*Exercise objective*:
Among the entries that follow, tally the lines with the string "IFCPRODUCTDEFINITIONSHAPE". Give no more than the number.

-- Material for the task follows --

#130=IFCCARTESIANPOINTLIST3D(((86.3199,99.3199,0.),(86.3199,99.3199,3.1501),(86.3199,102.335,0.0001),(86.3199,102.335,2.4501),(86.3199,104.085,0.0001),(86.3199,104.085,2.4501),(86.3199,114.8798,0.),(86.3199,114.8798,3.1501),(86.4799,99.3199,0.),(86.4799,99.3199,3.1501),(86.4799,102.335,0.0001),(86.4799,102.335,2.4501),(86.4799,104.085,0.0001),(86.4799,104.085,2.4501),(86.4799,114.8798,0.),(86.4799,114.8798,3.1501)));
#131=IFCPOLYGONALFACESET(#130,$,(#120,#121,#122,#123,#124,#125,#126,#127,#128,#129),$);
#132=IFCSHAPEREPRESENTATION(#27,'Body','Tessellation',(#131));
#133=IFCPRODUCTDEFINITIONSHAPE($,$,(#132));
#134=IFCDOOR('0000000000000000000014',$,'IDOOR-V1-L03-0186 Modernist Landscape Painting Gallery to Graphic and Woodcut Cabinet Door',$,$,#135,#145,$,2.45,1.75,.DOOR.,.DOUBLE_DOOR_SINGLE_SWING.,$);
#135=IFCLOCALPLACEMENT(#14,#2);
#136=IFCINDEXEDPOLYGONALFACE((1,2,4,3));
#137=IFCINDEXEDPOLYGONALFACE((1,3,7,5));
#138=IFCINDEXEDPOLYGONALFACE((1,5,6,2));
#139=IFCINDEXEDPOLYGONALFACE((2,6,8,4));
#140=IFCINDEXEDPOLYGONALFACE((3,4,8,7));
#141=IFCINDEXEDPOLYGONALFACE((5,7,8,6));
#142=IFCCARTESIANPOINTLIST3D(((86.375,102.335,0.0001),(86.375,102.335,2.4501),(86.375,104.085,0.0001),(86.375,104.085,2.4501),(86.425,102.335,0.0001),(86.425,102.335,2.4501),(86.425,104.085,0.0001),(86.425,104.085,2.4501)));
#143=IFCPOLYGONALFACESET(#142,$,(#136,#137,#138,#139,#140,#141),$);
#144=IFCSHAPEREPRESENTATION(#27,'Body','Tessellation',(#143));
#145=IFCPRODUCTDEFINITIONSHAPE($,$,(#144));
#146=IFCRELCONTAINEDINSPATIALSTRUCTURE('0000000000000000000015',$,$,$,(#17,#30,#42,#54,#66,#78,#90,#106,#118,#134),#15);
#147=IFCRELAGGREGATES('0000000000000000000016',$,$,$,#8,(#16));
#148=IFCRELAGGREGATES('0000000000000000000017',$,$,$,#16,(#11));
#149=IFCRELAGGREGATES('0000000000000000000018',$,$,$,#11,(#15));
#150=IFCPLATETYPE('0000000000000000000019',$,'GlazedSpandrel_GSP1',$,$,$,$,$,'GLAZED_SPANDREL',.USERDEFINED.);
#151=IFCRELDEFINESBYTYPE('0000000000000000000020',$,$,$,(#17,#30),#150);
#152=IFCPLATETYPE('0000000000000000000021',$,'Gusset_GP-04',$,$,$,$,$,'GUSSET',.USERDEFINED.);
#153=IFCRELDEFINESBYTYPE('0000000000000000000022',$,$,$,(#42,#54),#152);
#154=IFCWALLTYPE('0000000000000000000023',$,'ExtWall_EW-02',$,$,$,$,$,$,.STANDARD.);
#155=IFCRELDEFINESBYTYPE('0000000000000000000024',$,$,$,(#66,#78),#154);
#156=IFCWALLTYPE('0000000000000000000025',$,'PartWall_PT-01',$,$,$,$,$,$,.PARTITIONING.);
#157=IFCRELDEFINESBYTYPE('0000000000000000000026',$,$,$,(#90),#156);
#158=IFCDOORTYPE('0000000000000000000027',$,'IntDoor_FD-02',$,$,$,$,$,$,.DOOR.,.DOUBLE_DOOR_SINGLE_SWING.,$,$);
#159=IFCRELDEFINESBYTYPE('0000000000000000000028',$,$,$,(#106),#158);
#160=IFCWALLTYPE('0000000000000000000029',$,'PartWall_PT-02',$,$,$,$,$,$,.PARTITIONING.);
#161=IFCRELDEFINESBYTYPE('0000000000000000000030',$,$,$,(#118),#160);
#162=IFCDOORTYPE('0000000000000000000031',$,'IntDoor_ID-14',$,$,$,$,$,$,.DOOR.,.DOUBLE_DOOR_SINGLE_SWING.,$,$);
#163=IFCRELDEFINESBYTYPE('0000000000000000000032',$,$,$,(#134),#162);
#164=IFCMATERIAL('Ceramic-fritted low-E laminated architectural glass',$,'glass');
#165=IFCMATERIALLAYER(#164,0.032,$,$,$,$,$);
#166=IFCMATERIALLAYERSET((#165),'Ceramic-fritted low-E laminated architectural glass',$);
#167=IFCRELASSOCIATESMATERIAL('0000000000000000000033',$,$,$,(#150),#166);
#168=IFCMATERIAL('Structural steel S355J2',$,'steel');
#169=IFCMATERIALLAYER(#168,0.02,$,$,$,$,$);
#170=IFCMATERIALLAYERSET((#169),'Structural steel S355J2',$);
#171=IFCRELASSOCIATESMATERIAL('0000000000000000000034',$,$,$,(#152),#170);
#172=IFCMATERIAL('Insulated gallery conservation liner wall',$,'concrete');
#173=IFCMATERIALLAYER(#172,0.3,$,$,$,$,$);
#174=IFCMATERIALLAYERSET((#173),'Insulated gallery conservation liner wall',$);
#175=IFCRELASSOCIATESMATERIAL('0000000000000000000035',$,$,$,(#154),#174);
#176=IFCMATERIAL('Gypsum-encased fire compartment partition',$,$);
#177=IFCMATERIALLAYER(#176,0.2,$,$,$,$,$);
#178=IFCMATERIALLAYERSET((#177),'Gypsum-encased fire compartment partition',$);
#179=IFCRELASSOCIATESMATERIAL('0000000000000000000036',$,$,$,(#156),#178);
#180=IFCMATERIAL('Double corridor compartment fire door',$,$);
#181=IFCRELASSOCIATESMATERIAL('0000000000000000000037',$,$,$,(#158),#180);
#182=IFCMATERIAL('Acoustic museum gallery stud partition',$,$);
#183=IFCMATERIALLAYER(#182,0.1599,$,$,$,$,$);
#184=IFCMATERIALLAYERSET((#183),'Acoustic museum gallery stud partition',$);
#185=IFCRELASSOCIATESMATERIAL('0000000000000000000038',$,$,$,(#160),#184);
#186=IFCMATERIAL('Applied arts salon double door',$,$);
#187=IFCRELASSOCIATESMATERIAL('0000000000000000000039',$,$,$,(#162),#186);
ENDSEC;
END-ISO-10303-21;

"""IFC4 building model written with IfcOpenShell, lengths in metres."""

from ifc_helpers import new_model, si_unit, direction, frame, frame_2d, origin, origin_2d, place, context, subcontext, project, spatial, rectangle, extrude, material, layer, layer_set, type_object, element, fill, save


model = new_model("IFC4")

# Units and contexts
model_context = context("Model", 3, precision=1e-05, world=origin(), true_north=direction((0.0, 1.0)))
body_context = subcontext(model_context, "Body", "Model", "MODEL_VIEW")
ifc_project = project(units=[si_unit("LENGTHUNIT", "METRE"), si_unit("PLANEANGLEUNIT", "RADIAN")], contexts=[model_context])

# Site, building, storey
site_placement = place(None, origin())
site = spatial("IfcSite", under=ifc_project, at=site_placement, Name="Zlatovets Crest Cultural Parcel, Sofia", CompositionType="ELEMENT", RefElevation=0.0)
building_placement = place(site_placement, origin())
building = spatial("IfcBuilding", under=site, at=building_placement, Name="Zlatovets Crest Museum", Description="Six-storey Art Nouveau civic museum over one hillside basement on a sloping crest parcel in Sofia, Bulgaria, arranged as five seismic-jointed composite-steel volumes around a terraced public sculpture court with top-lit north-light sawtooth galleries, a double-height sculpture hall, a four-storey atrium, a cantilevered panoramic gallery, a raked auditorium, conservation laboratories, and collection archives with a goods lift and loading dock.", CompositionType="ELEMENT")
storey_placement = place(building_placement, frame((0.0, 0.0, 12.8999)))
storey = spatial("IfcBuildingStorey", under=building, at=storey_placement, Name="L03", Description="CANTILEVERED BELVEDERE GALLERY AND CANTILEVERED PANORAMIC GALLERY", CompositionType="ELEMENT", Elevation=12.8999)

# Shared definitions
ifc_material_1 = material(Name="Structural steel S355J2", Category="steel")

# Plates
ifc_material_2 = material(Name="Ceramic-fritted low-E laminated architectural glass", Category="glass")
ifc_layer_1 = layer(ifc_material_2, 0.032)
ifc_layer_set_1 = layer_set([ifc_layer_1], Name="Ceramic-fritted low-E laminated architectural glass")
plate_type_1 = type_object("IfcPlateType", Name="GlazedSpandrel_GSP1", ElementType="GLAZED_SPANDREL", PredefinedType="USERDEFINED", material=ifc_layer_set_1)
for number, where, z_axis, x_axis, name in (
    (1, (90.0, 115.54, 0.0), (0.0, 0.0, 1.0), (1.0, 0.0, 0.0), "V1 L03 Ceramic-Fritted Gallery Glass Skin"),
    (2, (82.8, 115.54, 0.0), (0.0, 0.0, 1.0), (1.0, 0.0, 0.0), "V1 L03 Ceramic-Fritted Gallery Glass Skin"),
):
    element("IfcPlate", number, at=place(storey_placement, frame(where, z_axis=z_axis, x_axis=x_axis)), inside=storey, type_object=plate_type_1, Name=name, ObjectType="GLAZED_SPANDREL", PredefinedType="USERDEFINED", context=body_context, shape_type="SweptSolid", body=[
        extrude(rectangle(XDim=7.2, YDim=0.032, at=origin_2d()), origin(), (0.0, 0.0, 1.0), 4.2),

-- Material for the task concluded --

*Exercise response*:
2